◆ **Work to be completed**: Within the material below, locate the line with "#113=IFCINDEXEDPOLYGONALFACE((33,37,38,34));" and the line with "#116=IFCINDEXEDPOLYGONALFACE((39,40,42,41));", then return those two lines and all lines between them, exactly as written.

◆ **Data to use**:
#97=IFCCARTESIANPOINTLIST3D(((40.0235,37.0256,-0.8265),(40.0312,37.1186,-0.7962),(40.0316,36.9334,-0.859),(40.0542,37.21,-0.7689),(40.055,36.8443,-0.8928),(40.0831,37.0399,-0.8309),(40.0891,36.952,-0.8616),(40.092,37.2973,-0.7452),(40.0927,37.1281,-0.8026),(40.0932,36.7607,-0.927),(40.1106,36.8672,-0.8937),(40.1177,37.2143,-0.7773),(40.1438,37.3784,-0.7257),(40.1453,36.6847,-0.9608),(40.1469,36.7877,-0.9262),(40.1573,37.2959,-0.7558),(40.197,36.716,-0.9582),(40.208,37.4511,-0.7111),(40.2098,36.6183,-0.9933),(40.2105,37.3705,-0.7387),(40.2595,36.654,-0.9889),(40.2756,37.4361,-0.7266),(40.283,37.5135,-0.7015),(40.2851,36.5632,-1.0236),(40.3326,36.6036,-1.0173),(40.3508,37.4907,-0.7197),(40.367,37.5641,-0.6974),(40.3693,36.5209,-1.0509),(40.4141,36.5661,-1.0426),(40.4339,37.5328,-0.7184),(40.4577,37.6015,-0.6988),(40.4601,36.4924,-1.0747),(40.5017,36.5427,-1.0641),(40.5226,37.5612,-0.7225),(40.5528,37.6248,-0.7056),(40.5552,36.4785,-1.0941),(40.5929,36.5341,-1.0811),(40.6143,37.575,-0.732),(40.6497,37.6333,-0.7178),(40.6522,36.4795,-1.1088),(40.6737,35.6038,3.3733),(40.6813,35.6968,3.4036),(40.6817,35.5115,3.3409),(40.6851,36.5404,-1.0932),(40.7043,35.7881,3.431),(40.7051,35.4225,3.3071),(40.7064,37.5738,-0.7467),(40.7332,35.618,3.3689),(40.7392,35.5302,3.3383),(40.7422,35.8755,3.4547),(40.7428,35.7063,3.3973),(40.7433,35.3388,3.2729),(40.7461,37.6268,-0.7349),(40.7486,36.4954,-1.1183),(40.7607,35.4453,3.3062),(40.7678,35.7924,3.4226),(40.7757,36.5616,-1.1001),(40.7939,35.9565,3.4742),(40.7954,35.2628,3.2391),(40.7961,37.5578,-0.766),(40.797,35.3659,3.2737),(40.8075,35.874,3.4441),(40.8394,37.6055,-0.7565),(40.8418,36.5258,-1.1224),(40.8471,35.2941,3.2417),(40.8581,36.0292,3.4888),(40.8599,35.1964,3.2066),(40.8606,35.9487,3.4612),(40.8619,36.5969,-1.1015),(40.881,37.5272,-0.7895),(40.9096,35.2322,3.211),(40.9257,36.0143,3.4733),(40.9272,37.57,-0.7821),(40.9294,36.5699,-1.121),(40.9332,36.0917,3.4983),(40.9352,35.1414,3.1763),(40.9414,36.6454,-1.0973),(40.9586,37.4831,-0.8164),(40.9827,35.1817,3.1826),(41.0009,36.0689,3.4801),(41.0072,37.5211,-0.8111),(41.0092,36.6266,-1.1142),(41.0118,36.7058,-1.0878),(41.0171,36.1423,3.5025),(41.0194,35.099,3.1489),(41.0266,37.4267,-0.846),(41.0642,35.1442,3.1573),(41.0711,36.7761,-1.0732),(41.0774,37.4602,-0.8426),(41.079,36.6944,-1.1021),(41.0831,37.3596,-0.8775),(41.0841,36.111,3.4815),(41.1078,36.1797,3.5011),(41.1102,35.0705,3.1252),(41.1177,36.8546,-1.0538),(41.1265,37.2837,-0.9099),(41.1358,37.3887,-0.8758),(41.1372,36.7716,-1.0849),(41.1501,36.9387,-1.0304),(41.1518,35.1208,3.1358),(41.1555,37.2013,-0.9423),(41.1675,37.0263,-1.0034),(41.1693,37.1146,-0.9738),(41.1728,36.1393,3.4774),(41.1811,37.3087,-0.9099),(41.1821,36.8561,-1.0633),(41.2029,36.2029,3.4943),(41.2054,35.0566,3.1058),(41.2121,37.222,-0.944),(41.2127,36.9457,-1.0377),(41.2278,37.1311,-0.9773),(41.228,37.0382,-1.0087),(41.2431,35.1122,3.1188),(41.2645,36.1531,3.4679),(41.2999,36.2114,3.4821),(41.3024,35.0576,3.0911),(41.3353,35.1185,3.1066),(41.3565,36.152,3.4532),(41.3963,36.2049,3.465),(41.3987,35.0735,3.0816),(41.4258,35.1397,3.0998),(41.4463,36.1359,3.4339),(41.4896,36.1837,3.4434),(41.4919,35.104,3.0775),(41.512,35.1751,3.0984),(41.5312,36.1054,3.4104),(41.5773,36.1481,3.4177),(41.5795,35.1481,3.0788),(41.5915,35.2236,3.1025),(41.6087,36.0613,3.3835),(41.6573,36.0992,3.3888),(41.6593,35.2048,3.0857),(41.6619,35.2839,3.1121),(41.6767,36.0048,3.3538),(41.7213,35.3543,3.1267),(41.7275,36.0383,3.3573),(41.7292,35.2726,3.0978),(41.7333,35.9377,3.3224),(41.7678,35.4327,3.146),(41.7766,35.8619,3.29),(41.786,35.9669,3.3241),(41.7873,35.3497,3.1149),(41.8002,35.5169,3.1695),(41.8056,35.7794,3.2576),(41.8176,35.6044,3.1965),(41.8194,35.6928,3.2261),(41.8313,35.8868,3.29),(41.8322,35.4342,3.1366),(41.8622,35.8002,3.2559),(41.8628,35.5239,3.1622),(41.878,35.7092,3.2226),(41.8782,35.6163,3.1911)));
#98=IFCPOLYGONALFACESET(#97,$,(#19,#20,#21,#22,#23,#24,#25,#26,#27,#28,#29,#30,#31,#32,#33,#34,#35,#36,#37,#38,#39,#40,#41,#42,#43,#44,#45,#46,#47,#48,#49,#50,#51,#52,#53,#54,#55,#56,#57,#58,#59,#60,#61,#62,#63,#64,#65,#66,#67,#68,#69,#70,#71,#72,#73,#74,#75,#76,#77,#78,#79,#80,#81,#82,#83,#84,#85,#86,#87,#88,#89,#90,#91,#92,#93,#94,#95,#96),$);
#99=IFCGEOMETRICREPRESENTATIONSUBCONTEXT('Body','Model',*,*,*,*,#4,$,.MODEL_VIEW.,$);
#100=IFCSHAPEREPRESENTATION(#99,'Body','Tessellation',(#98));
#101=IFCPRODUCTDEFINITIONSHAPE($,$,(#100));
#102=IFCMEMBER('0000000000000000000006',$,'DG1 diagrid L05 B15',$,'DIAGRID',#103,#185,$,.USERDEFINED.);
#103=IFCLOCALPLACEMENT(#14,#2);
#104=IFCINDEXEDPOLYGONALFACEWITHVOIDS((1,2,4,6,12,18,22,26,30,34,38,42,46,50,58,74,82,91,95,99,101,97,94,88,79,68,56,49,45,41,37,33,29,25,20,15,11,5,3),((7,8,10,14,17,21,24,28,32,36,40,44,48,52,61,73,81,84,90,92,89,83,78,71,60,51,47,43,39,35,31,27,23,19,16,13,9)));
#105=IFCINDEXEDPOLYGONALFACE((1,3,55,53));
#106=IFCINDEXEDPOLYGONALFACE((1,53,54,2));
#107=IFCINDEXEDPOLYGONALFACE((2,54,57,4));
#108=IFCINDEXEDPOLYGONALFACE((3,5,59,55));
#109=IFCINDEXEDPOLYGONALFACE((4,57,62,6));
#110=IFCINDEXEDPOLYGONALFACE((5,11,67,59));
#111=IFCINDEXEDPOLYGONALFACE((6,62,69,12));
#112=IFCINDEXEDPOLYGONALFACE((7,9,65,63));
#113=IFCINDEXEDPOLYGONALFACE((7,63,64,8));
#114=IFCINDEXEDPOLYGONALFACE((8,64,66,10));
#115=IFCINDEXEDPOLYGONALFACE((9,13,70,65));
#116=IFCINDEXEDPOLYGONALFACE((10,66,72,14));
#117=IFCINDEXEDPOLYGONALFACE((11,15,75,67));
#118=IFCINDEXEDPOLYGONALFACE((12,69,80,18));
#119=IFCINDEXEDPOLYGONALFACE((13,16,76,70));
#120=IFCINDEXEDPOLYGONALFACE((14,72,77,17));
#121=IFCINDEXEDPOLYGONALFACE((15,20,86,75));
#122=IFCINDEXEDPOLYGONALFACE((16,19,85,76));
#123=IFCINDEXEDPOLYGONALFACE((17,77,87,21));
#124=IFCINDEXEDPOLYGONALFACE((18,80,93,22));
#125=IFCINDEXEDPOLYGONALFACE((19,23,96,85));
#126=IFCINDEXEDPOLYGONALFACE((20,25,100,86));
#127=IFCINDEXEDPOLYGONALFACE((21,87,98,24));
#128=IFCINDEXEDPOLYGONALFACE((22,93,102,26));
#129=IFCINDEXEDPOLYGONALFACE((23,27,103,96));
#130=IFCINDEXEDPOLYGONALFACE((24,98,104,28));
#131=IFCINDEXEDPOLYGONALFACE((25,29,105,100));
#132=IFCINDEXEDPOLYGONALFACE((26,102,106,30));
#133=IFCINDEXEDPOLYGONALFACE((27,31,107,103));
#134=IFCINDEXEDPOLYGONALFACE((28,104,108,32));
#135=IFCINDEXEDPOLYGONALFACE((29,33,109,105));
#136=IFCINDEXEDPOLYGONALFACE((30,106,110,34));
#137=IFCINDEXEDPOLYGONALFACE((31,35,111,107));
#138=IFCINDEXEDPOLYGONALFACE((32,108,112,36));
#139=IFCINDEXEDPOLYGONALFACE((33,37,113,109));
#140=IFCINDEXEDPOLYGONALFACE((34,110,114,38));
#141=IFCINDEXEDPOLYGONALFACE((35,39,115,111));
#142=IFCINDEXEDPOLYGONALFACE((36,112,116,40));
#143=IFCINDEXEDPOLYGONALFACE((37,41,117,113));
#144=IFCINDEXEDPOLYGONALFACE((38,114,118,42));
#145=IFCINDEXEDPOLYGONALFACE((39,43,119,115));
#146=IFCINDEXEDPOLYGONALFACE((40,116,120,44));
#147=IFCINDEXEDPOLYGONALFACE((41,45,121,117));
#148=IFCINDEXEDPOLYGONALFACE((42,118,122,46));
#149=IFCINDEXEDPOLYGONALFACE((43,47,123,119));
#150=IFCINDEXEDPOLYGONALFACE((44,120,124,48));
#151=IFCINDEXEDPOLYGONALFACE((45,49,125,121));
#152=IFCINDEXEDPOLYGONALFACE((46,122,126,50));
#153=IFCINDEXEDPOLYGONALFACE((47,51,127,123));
...
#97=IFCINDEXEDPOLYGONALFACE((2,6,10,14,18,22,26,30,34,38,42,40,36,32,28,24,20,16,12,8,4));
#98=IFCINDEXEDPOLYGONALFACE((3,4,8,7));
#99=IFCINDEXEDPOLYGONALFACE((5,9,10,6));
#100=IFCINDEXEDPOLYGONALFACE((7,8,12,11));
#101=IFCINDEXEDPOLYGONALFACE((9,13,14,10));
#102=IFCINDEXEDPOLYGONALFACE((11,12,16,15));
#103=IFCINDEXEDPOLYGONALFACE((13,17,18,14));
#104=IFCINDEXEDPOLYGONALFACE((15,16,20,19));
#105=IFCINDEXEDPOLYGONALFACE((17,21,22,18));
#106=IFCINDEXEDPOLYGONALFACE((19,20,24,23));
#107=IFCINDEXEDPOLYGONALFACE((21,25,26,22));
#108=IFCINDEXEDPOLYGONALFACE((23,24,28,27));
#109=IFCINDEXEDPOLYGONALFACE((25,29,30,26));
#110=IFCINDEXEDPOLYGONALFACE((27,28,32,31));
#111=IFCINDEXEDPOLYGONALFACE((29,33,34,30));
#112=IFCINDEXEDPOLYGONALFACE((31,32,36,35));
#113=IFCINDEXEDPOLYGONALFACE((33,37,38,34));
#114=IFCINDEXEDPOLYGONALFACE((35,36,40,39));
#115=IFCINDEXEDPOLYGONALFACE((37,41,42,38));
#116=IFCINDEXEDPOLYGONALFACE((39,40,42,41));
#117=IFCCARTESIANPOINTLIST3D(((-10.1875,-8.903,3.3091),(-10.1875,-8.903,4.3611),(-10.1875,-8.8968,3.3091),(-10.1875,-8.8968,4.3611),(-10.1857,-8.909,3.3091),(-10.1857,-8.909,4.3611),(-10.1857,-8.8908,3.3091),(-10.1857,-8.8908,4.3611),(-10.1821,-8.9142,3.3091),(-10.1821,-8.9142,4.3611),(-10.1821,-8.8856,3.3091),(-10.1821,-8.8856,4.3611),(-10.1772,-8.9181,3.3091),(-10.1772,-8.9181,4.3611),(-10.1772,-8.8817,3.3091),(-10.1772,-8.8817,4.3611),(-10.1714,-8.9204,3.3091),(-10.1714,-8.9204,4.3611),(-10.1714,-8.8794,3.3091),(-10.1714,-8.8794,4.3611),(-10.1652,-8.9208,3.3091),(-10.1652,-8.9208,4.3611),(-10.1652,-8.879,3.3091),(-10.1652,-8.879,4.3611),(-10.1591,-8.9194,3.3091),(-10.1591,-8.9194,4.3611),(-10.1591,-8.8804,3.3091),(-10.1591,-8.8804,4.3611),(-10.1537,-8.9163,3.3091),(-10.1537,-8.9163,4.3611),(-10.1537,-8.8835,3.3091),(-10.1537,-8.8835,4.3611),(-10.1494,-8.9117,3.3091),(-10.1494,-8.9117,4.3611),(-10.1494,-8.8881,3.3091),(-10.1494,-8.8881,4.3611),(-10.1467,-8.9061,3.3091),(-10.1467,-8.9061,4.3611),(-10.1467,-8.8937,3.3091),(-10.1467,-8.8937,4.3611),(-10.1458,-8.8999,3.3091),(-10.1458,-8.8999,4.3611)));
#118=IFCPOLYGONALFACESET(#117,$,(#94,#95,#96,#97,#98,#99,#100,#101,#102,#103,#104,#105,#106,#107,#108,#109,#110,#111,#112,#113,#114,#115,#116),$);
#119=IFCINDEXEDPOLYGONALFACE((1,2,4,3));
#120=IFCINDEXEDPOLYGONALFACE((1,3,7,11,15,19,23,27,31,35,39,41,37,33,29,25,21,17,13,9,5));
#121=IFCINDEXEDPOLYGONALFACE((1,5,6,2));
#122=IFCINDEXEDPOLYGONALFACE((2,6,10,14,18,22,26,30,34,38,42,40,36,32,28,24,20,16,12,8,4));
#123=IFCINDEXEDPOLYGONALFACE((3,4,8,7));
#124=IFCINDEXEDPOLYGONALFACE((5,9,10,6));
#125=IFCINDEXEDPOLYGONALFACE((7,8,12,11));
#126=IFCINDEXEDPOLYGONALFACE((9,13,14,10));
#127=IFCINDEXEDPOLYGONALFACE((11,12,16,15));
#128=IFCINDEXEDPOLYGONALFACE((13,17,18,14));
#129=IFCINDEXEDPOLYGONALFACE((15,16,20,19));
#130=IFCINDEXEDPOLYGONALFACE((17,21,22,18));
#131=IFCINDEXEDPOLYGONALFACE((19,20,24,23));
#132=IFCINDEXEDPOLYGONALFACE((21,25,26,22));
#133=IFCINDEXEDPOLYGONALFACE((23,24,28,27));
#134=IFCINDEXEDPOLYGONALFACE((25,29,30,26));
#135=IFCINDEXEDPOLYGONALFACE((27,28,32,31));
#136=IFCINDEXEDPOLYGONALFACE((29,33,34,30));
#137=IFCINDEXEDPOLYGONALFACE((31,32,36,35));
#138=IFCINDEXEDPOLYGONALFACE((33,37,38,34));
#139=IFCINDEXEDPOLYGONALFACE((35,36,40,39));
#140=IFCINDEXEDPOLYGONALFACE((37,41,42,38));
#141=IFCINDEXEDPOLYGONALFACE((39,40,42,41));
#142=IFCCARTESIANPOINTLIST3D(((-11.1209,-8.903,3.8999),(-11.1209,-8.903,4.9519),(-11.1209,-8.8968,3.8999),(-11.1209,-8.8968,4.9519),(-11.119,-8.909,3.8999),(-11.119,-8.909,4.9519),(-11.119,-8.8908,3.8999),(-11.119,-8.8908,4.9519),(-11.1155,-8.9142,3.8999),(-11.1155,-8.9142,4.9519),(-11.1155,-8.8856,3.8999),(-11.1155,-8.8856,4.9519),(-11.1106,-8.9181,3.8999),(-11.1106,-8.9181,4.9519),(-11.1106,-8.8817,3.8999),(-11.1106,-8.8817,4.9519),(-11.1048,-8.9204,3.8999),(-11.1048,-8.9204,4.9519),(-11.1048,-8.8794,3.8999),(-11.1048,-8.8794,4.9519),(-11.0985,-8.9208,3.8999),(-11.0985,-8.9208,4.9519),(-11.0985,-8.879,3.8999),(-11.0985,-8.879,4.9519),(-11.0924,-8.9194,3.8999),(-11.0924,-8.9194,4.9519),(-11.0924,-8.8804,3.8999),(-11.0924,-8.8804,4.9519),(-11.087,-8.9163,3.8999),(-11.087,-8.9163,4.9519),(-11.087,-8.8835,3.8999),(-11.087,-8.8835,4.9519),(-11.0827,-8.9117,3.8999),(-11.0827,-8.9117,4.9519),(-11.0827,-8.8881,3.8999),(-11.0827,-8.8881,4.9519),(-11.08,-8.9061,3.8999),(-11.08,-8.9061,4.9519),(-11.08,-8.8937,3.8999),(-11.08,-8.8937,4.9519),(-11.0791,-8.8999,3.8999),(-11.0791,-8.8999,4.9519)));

◆ **Result**:
#113=IFCINDEXEDPOLYGONALFACE((33,37,38,34));
#114=IFCINDEXEDPOLYGONALFACE((35,36,40,39));
#115=IFCINDEXEDPOLYGONALFACE((37,41,42,38));
#116=IFCINDEXEDPOLYGONALFACE((39,40,42,41));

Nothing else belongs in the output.